> _Records for this exercise_:
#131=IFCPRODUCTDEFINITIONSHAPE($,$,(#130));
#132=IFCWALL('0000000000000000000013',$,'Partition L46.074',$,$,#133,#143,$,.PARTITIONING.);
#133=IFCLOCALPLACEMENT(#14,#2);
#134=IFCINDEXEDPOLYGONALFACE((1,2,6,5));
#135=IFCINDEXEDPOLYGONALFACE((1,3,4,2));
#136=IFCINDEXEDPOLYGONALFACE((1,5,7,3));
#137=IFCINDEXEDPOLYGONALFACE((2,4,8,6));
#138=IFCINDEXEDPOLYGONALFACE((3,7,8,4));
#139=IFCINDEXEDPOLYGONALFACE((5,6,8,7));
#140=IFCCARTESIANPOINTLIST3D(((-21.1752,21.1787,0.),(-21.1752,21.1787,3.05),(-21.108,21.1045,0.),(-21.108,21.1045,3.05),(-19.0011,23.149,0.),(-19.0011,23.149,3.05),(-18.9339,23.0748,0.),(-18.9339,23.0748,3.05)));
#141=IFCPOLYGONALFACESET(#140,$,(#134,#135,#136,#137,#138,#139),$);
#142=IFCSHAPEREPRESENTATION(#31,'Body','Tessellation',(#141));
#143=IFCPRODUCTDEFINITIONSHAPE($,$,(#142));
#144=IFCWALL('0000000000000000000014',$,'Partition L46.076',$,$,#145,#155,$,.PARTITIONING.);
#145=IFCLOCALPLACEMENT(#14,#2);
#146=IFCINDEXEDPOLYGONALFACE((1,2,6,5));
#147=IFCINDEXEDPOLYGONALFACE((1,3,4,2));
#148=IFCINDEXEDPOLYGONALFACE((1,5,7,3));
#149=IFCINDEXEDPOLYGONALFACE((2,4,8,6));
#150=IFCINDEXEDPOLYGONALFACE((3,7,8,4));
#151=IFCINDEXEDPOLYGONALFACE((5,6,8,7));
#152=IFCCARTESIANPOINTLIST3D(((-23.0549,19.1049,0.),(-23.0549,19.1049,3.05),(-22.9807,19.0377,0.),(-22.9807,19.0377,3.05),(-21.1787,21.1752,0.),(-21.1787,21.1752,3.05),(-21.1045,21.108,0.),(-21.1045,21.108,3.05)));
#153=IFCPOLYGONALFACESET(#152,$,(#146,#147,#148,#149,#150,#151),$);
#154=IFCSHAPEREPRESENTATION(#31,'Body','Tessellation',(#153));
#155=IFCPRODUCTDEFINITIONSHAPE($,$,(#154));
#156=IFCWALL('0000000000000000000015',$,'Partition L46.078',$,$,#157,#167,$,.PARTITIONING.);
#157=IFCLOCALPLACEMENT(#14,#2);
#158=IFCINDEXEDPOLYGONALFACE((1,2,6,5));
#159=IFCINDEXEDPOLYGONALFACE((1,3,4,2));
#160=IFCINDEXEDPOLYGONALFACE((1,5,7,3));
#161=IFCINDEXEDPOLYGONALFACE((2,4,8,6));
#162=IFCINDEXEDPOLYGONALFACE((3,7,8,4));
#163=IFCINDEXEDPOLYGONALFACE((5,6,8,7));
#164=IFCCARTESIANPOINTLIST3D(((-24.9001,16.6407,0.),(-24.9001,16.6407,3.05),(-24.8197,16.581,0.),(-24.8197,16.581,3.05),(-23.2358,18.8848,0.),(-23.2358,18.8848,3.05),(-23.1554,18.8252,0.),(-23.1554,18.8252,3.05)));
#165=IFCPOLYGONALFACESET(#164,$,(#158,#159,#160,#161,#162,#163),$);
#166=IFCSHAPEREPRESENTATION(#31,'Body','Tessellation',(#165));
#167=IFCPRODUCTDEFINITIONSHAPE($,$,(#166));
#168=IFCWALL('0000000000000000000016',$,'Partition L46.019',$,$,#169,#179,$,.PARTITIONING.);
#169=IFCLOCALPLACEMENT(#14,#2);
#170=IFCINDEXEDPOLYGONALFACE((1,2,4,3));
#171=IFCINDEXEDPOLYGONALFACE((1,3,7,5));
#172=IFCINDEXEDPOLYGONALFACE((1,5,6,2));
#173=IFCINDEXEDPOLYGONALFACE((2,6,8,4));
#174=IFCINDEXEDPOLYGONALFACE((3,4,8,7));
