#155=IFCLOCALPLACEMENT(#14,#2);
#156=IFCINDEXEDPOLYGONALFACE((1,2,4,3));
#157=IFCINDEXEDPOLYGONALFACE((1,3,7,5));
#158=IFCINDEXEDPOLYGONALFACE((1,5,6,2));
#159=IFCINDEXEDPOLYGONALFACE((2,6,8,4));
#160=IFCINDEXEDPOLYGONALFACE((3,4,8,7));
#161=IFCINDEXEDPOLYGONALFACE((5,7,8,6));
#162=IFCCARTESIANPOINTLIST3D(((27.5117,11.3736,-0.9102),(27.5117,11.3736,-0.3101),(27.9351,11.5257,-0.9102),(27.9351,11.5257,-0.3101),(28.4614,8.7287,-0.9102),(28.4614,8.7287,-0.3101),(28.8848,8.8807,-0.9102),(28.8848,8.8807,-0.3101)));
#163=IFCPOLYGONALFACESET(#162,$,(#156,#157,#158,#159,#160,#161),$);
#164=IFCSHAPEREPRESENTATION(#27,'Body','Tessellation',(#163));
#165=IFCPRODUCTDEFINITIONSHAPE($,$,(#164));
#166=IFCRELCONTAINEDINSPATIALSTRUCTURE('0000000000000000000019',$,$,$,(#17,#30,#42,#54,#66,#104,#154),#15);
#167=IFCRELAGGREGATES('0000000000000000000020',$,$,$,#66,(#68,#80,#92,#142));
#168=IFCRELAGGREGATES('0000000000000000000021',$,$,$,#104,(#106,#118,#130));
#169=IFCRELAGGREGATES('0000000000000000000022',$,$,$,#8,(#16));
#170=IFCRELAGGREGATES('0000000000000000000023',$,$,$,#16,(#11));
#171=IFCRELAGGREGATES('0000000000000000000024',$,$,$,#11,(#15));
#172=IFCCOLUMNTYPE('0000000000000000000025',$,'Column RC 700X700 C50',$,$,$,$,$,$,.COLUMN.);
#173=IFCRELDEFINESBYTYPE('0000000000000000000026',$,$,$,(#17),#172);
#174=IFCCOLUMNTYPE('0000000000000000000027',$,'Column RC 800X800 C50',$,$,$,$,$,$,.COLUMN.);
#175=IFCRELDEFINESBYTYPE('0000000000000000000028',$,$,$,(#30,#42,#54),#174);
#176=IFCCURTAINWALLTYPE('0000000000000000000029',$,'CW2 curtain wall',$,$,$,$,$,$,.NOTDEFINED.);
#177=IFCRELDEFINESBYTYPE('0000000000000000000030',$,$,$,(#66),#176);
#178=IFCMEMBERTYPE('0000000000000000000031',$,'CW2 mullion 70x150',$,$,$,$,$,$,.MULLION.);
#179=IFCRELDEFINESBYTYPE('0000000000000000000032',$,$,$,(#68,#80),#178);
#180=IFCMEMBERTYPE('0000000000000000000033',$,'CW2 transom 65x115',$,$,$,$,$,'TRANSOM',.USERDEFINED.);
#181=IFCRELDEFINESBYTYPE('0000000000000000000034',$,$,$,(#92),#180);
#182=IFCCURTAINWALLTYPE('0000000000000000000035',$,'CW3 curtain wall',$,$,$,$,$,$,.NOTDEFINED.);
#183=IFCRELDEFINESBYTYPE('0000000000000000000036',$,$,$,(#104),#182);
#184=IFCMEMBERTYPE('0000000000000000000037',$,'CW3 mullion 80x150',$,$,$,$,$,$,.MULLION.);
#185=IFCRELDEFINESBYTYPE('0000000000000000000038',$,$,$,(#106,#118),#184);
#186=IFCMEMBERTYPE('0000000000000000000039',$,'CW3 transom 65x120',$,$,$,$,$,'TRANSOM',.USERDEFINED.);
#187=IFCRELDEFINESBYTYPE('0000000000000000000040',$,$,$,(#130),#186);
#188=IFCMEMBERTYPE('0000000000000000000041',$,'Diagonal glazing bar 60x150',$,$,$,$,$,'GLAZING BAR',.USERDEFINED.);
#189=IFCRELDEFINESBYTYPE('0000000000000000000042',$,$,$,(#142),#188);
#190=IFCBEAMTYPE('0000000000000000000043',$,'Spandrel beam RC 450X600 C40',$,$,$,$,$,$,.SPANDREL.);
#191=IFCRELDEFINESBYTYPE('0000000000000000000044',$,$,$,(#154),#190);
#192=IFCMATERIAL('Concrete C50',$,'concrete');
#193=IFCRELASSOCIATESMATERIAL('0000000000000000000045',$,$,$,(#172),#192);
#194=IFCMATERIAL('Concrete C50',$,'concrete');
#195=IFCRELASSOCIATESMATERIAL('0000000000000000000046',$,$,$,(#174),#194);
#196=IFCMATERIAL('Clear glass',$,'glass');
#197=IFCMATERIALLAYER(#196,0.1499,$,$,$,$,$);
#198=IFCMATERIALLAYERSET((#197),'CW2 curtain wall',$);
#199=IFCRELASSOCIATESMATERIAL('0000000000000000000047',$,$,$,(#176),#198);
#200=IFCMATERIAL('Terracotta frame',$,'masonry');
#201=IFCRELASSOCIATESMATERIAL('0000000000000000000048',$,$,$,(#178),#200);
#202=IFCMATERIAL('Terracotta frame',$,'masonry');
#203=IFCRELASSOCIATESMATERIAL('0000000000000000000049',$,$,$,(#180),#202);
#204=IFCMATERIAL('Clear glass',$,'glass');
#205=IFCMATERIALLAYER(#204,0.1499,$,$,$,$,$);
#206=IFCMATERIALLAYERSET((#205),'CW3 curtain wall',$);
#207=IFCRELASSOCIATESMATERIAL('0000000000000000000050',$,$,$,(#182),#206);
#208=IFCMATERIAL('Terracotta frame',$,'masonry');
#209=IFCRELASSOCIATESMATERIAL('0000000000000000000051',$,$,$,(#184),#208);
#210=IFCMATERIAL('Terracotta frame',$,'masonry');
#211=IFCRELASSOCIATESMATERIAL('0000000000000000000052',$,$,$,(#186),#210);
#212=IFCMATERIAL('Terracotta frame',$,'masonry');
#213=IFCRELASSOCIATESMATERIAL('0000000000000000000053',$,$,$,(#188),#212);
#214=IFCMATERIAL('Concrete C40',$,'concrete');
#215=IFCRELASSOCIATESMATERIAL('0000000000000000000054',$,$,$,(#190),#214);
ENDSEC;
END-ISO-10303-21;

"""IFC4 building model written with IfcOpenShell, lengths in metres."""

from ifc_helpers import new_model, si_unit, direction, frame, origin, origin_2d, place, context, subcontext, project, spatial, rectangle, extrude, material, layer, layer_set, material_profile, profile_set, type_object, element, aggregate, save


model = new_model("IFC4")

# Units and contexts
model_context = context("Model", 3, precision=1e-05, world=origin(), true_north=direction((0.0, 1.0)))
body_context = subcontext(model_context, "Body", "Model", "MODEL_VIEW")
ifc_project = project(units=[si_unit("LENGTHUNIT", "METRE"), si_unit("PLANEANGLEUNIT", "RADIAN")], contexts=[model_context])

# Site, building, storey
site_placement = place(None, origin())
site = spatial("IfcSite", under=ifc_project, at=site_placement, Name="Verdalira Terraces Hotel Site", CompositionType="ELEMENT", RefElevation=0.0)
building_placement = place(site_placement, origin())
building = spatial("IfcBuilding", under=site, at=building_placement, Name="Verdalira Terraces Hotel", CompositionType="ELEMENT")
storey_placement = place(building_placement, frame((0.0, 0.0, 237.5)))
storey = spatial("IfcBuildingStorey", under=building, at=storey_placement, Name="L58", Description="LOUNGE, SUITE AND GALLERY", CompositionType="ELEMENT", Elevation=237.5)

---

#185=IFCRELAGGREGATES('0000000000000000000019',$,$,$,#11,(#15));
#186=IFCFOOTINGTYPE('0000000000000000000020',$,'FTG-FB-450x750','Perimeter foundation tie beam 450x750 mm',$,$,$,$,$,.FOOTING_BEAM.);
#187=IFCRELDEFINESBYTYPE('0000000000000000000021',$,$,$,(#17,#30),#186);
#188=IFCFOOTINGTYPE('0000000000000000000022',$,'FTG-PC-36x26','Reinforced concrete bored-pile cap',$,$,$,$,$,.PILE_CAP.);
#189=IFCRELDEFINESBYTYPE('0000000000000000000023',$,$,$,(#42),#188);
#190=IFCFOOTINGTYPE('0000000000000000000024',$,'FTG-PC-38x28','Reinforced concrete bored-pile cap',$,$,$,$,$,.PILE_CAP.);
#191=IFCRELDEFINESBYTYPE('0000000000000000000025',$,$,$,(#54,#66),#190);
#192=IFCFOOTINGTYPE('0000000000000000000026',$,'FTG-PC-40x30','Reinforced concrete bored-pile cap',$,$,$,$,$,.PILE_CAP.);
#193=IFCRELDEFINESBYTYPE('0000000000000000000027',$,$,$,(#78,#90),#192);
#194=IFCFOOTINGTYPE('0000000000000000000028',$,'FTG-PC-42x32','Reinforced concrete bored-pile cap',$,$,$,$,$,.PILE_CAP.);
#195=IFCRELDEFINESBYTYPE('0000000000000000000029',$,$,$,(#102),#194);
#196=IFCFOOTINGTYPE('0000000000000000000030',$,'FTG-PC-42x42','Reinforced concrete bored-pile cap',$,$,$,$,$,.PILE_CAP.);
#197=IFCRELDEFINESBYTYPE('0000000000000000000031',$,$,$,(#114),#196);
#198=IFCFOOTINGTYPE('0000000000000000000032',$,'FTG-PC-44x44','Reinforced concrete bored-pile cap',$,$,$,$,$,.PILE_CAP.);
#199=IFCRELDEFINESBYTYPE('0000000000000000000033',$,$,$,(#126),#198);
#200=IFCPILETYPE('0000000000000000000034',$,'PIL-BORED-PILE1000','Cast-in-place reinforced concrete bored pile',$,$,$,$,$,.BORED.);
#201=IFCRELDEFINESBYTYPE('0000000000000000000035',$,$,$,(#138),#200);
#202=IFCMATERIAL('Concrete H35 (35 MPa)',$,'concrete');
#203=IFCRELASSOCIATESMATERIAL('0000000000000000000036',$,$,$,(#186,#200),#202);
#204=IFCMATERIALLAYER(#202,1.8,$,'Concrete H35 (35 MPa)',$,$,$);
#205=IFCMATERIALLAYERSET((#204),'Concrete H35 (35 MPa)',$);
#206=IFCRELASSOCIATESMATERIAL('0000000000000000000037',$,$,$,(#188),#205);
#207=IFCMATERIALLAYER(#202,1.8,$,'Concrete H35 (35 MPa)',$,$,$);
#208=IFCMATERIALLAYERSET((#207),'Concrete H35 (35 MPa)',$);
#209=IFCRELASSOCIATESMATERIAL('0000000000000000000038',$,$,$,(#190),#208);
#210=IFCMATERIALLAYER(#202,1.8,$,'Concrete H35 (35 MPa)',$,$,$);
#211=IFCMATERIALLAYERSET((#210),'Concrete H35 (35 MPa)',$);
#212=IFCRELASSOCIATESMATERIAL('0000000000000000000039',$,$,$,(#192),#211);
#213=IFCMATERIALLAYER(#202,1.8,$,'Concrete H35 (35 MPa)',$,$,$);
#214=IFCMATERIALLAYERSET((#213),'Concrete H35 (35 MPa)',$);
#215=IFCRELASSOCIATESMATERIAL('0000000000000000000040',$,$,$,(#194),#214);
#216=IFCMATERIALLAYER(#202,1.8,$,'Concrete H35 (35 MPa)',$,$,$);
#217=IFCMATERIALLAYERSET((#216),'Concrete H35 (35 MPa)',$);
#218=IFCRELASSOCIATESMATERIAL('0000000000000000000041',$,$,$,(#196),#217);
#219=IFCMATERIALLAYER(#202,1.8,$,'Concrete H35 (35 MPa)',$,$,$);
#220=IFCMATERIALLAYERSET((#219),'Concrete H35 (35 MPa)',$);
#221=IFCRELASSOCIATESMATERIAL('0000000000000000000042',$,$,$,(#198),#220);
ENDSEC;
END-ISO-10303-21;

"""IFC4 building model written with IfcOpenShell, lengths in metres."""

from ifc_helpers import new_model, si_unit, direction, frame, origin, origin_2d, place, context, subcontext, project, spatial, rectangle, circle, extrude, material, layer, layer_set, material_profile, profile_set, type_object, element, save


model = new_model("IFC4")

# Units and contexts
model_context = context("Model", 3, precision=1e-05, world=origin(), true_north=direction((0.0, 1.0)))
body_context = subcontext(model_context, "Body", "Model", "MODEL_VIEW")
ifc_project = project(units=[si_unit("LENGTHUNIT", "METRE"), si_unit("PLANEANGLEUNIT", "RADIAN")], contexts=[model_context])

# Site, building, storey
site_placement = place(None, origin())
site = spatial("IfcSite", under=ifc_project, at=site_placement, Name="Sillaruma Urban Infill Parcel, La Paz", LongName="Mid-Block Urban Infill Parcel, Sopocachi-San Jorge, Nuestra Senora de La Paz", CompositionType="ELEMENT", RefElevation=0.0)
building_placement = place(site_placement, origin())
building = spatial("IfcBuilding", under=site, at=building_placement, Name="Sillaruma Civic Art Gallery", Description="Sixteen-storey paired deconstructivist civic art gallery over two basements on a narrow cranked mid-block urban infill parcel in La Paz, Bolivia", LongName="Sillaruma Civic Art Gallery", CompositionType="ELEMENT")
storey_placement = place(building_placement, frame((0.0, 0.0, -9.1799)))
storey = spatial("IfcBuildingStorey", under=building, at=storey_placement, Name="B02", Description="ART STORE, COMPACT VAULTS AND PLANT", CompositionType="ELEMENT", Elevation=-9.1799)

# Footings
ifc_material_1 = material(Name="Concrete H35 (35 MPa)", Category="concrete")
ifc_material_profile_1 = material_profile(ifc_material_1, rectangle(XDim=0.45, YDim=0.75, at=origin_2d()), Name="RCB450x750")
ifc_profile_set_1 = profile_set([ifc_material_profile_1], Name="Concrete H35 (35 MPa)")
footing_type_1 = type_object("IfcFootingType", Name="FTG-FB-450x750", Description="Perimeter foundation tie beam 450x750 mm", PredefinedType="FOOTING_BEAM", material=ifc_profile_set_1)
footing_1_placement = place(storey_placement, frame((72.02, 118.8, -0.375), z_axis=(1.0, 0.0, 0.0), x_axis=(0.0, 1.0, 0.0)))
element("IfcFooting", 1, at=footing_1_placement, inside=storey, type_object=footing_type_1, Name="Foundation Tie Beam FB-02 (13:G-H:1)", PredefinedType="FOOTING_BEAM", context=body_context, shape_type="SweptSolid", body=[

> _Problem to work on_: Copy out only the lines of the records above from the one with "#208=IFCMATERIALLAYERSET((#207),'Concrete H35 (35" through the one with "#210=IFCMATERIALLAYER(#202,1.8,$,'Concrete H35 (35", exactly as they stand, both included.

> _Answer to this problem_:
#208=IFCMATERIALLAYERSET((#207),'Concrete H35 (35 MPa)',$);
#209=IFCRELASSOCIATESMATERIAL('0000000000000000000038',$,$,$,(#190),#208);
#210=IFCMATERIALLAYER(#202,1.8,$,'Concrete H35 (35 MPa)',$,$,$);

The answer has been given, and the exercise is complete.